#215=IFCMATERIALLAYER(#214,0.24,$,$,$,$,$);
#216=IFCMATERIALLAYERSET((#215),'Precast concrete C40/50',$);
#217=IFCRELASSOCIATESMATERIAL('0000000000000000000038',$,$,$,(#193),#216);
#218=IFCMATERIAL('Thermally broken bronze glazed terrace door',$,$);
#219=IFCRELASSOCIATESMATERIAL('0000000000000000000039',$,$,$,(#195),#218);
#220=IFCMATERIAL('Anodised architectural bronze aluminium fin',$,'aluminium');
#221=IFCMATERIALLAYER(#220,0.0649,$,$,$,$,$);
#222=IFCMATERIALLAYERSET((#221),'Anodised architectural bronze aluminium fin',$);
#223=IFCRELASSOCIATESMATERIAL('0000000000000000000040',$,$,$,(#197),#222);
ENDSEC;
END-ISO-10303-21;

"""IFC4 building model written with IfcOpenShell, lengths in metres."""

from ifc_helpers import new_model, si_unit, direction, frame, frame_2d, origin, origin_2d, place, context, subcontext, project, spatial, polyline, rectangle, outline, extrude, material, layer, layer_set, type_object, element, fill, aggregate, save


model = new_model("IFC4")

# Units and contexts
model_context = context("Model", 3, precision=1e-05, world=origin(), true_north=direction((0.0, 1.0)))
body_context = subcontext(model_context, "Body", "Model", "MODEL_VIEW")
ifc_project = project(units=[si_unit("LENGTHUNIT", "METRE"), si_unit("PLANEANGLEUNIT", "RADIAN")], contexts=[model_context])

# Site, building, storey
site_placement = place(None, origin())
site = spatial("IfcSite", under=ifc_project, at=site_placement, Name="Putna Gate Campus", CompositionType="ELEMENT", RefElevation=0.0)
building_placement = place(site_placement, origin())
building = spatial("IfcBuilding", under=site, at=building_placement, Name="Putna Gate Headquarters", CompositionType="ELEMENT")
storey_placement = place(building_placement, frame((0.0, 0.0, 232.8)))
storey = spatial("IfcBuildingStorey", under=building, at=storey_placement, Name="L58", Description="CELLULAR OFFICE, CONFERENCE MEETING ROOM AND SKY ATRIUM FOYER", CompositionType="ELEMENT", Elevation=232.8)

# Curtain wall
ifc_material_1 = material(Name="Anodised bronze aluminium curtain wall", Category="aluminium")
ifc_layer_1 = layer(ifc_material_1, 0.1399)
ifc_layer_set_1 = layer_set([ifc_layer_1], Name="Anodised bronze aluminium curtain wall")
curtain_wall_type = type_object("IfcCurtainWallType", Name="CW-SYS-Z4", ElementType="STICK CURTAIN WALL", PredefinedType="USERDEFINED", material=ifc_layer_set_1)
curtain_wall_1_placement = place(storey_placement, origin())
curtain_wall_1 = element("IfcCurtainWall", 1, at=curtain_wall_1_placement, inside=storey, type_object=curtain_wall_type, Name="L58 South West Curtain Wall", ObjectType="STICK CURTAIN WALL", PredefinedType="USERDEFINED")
☆ ☆ ☆
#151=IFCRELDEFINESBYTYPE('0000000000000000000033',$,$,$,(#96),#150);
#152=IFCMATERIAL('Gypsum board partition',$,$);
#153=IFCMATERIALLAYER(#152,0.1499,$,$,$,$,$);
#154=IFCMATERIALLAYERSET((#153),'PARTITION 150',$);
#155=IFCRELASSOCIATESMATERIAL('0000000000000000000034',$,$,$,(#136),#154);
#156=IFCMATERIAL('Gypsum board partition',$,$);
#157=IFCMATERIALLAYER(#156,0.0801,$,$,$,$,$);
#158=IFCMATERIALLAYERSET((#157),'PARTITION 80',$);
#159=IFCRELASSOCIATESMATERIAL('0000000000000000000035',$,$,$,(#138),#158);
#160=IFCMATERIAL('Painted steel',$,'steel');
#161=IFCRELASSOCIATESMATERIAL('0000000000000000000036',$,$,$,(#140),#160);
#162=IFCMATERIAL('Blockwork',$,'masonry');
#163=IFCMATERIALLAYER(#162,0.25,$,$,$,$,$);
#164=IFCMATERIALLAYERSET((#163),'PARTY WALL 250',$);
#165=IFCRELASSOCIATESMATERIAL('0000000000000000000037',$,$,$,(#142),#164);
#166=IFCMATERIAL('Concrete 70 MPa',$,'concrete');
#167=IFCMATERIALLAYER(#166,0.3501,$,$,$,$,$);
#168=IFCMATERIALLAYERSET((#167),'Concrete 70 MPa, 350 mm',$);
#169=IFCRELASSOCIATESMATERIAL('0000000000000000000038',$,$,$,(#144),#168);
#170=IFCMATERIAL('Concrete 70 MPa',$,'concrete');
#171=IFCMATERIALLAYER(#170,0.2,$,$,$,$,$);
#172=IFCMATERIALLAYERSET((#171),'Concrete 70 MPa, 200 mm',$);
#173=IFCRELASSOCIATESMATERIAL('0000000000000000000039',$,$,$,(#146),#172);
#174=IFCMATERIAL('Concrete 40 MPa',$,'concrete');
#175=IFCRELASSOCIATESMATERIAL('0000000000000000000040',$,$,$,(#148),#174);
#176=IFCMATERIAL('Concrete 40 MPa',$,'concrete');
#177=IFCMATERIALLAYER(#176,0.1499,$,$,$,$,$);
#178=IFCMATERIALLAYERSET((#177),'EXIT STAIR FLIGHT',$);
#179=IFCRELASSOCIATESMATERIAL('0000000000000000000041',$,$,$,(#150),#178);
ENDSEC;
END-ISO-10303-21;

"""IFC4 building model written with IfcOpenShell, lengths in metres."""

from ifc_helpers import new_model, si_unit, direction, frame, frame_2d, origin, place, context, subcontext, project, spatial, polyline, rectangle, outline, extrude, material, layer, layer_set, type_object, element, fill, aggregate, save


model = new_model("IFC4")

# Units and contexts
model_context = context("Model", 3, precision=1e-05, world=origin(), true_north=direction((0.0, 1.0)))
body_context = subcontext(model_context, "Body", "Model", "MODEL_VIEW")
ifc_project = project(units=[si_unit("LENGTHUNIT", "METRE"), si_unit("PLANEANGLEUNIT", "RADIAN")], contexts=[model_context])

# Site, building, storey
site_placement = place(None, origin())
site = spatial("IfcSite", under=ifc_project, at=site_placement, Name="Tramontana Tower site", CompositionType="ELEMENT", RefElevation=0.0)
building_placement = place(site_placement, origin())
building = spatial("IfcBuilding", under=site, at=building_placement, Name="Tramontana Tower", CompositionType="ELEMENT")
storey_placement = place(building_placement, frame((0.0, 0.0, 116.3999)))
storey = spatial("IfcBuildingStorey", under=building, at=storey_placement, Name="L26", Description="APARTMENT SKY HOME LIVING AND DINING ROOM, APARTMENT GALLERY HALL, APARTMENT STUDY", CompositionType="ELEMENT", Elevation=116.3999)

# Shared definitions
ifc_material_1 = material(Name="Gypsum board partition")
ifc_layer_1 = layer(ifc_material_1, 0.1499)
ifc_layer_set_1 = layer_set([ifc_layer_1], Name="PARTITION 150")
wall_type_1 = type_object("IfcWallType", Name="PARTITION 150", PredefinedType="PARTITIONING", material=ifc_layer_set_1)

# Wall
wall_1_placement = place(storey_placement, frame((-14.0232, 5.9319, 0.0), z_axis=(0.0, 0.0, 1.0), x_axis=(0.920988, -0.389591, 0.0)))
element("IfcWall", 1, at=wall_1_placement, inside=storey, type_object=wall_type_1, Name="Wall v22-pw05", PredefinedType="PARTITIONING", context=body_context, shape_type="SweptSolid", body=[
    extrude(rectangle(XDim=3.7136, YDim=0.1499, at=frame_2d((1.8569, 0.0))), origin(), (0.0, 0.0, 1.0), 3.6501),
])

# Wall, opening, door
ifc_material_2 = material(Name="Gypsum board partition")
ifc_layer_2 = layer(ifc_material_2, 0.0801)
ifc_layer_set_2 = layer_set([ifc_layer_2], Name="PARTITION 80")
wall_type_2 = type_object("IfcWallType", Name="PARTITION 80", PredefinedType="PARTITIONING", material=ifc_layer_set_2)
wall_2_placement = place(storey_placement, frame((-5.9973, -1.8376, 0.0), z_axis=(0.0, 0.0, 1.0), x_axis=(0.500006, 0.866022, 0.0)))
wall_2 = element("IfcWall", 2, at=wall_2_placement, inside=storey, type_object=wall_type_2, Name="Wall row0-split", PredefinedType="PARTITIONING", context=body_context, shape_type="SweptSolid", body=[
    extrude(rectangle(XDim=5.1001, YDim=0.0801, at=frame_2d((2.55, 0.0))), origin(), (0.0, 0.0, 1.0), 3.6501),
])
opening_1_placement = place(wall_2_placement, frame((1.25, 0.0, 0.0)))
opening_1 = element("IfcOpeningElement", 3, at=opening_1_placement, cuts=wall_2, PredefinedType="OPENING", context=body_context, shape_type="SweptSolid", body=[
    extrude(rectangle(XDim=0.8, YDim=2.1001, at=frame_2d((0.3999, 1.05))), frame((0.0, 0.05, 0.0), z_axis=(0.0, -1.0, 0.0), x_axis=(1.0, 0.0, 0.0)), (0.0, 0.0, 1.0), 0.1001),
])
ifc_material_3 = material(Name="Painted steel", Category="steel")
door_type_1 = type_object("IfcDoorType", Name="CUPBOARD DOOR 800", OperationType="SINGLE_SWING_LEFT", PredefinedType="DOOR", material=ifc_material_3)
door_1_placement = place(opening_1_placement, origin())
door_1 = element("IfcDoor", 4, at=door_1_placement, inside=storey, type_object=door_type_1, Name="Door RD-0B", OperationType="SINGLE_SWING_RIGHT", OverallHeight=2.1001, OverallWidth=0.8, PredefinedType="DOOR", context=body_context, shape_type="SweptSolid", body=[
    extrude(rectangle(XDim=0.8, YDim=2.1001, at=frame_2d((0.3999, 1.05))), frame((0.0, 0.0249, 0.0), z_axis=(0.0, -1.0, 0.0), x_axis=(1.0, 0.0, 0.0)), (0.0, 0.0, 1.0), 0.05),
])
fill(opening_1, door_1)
☆ ☆ ☆
→ **Work instructions**:
Give the number of lines in the data above that include the word "RefElevation", with no other words.

→ **Output of the exercise**:
2